What you are asked to do –
Please copy each line of the records below that holds the word "IFCMATERIAL".

[Stored data]
————————

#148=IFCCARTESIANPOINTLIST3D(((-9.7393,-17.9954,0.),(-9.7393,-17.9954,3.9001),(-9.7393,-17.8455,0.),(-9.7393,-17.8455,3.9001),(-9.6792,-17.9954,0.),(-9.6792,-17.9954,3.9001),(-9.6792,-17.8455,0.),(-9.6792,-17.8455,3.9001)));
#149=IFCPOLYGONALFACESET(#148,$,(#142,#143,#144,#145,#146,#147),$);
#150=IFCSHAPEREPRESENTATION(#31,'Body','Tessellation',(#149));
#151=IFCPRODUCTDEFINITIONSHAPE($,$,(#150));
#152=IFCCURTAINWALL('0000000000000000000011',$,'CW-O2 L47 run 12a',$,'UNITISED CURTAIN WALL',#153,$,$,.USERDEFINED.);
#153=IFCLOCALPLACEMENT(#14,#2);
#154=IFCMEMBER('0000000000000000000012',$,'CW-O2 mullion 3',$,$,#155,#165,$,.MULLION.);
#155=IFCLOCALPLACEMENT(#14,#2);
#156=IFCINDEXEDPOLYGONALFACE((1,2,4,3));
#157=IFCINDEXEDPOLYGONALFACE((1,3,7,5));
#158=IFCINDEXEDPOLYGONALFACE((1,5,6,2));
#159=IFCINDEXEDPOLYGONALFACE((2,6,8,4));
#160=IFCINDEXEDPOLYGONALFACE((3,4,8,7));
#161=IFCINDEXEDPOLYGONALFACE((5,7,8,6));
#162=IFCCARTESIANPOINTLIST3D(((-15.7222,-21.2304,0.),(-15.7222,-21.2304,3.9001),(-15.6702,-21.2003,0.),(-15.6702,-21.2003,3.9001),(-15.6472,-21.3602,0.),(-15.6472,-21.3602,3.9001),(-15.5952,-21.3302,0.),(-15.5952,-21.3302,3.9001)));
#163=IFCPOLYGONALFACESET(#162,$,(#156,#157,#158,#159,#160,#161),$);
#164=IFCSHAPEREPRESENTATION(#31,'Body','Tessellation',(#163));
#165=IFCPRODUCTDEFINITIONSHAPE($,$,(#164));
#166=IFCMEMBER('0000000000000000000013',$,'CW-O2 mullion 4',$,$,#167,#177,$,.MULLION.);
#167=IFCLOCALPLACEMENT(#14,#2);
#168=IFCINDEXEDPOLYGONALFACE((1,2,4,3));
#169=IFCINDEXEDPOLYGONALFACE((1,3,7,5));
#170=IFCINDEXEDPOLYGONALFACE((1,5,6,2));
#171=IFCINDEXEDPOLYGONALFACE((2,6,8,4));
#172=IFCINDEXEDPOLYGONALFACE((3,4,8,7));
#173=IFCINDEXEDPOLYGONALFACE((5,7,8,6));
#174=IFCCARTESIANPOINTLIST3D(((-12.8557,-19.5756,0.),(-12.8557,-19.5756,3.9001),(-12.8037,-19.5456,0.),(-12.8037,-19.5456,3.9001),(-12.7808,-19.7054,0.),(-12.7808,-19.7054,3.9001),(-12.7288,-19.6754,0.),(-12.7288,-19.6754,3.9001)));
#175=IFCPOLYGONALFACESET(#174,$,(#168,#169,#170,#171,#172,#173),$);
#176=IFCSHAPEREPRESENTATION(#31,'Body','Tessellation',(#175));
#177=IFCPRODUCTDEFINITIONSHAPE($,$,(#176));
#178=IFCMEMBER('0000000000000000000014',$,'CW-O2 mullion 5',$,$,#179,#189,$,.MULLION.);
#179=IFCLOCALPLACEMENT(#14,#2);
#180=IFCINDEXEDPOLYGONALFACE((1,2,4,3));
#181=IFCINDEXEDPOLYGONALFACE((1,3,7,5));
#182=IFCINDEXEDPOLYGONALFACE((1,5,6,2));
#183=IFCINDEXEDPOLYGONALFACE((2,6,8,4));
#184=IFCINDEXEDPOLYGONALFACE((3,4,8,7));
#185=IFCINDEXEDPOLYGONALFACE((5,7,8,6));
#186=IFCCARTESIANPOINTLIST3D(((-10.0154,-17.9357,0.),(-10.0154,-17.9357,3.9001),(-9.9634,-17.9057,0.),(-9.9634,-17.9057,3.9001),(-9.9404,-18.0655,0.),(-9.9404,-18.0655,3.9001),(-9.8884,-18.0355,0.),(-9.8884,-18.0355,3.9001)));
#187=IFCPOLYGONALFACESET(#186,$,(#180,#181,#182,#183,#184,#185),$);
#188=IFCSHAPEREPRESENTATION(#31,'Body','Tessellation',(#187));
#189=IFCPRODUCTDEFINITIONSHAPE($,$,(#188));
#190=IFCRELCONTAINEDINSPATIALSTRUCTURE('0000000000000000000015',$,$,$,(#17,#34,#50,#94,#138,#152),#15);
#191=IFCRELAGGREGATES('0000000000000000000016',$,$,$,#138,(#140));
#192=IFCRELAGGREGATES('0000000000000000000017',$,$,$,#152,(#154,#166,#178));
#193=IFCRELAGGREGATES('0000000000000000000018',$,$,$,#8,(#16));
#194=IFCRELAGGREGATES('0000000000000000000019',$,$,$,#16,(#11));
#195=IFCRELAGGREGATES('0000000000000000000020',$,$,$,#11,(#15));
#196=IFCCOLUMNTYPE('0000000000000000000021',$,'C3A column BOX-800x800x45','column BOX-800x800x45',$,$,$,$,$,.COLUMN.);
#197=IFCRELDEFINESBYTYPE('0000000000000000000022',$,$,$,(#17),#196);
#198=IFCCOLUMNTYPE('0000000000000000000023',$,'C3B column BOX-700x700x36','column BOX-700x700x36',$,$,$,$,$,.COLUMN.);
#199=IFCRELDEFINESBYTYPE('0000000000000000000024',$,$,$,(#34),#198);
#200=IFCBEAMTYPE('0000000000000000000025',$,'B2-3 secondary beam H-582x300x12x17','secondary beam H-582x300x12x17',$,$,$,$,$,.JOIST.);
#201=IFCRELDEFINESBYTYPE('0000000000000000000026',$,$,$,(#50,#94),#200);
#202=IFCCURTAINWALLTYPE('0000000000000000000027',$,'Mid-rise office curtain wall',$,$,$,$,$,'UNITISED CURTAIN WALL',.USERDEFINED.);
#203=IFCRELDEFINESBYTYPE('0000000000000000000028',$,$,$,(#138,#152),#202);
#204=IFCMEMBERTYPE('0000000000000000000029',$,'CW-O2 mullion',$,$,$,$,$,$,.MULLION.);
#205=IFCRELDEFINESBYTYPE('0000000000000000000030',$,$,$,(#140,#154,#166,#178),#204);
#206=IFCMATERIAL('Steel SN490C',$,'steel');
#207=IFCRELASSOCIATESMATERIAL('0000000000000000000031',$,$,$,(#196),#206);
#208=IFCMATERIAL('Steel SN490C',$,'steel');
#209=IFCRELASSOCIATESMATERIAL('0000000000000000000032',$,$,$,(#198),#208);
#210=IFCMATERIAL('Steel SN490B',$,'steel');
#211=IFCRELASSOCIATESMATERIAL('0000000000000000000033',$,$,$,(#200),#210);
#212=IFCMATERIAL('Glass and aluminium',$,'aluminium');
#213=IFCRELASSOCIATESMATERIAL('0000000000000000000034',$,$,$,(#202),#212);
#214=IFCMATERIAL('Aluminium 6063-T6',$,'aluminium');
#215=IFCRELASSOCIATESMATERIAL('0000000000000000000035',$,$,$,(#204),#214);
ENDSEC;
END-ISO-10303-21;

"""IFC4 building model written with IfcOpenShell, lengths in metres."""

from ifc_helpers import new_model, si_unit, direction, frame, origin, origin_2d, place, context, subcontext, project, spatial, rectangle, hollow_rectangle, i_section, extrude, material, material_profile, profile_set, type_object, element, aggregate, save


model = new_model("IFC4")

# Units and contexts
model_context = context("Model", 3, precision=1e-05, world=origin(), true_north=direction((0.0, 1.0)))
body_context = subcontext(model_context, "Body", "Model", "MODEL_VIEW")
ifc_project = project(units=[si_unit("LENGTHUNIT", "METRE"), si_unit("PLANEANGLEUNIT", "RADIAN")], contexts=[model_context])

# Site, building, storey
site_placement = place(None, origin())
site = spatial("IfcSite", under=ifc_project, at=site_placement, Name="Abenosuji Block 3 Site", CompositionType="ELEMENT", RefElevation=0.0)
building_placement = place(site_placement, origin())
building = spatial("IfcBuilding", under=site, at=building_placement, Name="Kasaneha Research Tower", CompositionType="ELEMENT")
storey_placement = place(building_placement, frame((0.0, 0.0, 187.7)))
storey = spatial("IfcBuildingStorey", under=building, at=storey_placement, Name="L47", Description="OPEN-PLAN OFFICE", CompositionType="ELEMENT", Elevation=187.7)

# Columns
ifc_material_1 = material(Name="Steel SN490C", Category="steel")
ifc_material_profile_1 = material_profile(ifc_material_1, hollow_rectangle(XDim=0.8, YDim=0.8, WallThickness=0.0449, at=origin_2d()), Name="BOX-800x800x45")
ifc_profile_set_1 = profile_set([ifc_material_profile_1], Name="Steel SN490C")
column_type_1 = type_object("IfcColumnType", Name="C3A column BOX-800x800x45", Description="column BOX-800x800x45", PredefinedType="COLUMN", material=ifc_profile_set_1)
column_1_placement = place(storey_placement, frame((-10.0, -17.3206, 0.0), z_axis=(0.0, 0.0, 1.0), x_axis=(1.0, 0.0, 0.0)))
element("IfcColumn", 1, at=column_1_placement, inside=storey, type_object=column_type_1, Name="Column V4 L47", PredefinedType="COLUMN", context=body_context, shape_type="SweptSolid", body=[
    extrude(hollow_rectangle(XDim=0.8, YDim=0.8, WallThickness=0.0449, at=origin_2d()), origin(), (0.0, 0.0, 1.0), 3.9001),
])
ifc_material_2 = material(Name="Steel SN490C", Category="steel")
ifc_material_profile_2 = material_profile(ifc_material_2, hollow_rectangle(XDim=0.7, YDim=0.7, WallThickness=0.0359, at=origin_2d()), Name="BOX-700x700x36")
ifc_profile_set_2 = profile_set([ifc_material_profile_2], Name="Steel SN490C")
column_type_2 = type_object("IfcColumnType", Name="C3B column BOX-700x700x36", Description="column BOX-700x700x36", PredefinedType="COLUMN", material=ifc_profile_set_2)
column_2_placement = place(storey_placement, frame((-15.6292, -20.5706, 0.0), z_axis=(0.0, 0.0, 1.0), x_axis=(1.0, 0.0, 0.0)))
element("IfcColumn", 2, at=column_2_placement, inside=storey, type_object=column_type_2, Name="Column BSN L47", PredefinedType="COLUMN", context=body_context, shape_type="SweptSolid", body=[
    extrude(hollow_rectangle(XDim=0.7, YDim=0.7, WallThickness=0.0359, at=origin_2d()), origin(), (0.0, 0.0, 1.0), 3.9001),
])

————————

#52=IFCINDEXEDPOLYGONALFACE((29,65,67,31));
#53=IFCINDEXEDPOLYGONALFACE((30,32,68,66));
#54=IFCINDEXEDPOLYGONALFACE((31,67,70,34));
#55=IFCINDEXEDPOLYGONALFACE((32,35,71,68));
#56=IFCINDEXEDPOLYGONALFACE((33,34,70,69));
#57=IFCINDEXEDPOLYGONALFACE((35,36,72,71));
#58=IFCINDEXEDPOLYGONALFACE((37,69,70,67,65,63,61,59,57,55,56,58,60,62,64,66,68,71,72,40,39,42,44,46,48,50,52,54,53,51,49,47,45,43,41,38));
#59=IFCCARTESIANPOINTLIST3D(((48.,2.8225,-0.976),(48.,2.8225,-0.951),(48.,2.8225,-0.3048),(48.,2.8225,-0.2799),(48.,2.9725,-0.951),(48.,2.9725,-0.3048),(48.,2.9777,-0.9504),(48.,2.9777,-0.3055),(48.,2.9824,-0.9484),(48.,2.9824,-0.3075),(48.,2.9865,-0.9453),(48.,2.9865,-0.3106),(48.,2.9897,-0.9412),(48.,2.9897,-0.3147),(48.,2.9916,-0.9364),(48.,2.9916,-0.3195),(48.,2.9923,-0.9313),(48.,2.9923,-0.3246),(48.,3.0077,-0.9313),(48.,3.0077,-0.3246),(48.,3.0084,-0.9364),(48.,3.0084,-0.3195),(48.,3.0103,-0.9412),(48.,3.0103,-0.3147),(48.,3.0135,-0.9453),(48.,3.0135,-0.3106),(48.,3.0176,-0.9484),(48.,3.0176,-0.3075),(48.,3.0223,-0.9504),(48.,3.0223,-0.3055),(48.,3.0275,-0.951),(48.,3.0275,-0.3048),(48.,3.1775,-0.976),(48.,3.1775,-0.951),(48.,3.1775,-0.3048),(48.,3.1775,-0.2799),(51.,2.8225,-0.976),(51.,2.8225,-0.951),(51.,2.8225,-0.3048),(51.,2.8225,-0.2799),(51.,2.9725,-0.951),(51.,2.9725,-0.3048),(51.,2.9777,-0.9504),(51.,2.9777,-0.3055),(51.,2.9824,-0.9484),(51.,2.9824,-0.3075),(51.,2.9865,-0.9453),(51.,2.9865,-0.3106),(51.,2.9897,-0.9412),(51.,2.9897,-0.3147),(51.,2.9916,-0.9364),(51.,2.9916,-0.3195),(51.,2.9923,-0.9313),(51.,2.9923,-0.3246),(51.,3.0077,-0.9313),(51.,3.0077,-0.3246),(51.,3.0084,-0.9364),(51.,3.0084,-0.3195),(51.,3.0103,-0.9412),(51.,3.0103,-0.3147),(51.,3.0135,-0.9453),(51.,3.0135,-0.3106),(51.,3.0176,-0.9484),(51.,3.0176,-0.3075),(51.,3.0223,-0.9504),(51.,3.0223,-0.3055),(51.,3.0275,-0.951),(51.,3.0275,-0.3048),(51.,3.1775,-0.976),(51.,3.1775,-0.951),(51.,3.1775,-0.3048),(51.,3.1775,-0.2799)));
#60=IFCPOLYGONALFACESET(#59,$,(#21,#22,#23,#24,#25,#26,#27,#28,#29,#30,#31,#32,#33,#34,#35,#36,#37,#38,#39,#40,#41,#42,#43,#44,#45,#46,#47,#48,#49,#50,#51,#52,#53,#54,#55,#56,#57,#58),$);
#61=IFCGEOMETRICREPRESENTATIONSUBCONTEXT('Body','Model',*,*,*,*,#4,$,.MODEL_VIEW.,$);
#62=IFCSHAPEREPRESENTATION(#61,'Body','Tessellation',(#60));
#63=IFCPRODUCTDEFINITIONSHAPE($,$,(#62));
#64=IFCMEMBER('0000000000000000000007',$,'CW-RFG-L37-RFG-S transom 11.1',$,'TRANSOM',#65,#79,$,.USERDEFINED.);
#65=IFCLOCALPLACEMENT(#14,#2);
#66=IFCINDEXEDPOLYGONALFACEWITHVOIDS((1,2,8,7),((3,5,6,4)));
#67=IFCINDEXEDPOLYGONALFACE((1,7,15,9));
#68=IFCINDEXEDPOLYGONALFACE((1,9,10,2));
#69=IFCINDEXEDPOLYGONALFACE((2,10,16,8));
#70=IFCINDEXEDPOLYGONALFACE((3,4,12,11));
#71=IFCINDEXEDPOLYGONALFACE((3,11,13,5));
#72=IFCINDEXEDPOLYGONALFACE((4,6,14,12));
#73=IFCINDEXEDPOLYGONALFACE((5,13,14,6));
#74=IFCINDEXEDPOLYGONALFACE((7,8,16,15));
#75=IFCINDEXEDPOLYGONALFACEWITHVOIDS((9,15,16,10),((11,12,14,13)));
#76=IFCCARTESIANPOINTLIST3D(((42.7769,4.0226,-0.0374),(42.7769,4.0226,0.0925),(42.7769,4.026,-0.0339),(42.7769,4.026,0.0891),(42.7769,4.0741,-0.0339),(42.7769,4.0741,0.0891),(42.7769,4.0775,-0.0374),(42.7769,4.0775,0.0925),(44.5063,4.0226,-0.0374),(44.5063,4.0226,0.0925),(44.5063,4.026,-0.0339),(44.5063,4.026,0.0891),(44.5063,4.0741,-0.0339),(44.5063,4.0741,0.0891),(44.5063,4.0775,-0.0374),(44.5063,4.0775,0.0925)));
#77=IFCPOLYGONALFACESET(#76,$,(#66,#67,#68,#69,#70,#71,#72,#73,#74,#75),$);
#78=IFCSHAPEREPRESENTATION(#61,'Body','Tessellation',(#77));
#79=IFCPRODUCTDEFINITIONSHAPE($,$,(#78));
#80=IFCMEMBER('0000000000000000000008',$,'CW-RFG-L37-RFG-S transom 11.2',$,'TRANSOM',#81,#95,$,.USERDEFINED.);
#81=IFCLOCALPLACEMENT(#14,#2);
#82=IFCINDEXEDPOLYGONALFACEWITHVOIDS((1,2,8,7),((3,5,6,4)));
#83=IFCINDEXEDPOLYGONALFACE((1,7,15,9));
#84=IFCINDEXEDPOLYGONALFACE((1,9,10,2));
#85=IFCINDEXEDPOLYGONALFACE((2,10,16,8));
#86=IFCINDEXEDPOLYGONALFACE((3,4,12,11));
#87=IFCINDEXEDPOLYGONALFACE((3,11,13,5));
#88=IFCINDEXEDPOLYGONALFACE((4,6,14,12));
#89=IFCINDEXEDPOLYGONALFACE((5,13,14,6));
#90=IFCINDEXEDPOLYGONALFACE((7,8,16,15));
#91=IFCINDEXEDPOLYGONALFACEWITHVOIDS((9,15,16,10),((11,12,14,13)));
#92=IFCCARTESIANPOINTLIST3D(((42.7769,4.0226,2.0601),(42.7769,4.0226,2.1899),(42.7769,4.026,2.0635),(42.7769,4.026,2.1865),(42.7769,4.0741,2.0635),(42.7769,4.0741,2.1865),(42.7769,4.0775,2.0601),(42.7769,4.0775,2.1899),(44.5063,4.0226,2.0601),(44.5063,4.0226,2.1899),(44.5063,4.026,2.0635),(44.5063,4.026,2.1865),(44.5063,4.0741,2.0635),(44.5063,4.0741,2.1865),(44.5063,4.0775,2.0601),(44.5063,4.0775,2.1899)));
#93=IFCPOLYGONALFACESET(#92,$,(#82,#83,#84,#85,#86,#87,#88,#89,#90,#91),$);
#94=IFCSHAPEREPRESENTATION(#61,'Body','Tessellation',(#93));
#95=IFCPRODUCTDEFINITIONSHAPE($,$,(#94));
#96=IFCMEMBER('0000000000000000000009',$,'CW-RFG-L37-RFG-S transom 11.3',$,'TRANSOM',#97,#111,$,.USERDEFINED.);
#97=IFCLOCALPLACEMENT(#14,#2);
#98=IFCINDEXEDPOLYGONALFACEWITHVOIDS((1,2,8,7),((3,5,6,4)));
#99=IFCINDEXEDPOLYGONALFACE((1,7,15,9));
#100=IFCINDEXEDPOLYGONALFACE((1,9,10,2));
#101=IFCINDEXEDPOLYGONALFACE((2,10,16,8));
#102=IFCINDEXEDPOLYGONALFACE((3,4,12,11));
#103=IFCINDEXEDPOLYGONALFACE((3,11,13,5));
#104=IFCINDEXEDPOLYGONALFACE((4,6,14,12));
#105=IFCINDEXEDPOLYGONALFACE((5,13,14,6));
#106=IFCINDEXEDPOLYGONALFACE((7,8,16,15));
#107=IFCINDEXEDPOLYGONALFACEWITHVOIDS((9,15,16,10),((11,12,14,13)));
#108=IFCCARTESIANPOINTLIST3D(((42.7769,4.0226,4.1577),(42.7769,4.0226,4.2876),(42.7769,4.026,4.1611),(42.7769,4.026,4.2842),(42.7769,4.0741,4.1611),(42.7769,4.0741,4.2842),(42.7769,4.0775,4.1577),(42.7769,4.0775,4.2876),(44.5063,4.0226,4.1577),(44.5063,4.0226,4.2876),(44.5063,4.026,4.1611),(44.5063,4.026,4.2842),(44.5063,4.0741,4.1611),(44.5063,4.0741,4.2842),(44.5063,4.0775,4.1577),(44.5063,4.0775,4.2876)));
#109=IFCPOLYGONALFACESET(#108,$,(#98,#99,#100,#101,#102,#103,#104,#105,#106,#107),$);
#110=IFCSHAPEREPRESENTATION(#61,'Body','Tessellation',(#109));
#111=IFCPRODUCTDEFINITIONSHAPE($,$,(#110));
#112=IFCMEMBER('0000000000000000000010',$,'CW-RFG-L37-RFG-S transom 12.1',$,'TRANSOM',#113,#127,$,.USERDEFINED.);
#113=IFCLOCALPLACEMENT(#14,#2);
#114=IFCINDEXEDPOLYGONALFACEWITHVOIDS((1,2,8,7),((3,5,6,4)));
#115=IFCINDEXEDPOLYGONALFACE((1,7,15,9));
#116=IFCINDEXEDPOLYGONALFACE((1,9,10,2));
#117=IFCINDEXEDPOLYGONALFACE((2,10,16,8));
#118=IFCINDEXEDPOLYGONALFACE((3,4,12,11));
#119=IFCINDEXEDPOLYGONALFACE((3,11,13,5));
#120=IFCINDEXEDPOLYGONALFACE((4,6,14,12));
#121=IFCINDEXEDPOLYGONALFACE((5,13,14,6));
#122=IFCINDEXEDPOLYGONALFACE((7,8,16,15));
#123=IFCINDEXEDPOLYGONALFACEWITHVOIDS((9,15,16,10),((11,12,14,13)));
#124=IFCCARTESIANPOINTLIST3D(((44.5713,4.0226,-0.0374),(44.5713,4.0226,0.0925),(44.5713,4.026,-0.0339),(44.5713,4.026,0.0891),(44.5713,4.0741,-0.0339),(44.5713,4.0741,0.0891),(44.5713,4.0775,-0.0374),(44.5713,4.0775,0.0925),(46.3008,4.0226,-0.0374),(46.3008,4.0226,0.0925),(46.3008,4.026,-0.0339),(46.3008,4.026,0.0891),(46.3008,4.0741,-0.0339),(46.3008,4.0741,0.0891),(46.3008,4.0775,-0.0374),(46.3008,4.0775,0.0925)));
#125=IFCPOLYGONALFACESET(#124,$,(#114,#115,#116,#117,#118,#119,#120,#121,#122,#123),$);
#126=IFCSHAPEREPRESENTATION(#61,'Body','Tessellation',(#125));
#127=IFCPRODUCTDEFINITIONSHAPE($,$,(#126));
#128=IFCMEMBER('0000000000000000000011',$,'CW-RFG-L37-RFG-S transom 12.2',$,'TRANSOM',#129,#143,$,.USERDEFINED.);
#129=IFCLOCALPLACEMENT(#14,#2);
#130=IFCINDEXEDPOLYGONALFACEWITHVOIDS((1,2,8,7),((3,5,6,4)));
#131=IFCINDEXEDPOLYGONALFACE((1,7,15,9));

————————

Task answer –
#206=IFCMATERIAL('Steel SN490C',$,'steel');
#208=IFCMATERIAL('Steel SN490C',$,'steel');
#210=IFCMATERIAL('Steel SN490B',$,'steel');
#212=IFCMATERIAL('Glass and aluminium',$,'aluminium');
#214=IFCMATERIAL('Aluminium 6063-T6',$,'aluminium');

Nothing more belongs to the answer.